▸ Exercise requirements
Please filter the entries for the word "IfcColumnType" and copy every line that has it.

+ + + + +

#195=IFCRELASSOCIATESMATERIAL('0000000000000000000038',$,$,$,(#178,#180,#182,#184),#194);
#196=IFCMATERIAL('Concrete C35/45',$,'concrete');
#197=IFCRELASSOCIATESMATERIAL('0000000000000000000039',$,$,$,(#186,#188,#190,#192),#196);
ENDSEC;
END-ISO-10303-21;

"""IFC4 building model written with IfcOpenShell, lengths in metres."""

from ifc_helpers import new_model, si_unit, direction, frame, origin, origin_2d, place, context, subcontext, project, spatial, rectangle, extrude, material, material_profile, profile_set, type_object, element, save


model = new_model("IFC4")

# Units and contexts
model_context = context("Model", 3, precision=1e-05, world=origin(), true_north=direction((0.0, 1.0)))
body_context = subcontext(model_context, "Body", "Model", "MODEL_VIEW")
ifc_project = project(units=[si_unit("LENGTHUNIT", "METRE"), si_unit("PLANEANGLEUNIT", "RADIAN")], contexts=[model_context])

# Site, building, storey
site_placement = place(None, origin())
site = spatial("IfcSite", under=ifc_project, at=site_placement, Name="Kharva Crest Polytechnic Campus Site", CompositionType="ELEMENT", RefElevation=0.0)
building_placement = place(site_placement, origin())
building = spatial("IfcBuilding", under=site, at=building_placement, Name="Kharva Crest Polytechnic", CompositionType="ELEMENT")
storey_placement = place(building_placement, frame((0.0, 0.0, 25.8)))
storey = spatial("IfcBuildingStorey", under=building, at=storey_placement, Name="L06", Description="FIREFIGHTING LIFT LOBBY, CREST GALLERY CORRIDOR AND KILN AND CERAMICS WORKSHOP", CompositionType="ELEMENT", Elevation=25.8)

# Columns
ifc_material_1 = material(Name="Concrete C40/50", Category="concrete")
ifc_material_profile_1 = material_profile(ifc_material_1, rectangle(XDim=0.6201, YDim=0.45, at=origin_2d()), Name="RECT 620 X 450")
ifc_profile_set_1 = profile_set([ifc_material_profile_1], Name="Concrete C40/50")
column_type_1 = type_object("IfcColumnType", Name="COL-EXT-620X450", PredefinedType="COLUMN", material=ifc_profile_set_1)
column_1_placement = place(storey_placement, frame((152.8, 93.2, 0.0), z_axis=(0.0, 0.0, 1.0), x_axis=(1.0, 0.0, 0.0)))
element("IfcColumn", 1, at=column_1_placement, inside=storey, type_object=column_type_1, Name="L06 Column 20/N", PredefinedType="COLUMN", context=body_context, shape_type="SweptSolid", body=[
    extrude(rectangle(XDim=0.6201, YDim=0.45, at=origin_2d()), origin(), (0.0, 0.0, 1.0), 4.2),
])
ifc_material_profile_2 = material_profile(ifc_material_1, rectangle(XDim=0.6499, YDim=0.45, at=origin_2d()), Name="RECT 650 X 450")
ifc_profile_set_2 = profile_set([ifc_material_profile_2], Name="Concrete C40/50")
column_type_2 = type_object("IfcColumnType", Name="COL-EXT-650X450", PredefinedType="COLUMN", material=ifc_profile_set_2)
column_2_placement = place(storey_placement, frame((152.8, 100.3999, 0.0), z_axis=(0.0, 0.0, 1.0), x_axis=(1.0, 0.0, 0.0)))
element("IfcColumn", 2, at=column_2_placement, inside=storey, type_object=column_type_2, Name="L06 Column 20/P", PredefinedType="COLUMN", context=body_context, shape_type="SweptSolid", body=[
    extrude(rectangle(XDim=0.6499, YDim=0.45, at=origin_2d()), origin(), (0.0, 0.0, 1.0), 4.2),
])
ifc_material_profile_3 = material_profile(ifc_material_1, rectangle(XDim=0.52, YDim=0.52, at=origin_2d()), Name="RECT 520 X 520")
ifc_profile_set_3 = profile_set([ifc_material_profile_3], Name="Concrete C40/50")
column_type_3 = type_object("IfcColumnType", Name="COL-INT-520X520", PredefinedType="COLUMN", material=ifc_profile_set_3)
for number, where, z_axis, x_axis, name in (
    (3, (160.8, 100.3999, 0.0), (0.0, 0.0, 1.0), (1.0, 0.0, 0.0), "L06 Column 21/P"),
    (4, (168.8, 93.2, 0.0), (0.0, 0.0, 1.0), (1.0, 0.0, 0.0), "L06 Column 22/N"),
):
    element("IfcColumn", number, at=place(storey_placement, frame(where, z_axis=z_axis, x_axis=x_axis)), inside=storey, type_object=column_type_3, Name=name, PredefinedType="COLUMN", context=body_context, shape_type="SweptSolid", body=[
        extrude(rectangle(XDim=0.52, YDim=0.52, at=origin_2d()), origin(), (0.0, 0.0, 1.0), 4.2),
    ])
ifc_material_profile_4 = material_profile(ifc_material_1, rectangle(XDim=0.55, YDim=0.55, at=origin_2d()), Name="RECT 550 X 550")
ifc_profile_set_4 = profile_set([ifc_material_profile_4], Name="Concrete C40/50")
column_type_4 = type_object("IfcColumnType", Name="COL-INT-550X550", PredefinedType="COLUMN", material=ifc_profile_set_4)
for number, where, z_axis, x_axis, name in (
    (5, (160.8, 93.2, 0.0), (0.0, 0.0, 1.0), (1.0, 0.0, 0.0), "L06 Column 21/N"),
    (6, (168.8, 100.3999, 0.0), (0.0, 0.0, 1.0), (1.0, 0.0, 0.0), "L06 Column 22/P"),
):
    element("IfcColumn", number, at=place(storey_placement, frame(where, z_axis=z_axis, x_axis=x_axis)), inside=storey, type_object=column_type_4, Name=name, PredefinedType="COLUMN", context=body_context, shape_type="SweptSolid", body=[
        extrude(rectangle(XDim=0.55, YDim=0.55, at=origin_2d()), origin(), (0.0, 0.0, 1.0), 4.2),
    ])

+ + + + +

▸ Exercise response
column_type_1 = type_object("IfcColumnType", Name="COL-EXT-620X450", PredefinedType="COLUMN", material=ifc_profile_set_1)
column_type_2 = type_object("IfcColumnType", Name="COL-EXT-650X450", PredefinedType="COLUMN", material=ifc_profile_set_2)
column_type_3 = type_object("IfcColumnType", Name="COL-INT-520X520", PredefinedType="COLUMN", material=ifc_profile_set_3)
column_type_4 = type_object("IfcColumnType", Name="COL-INT-550X550", PredefinedType="COLUMN", material=ifc_profile_set_4)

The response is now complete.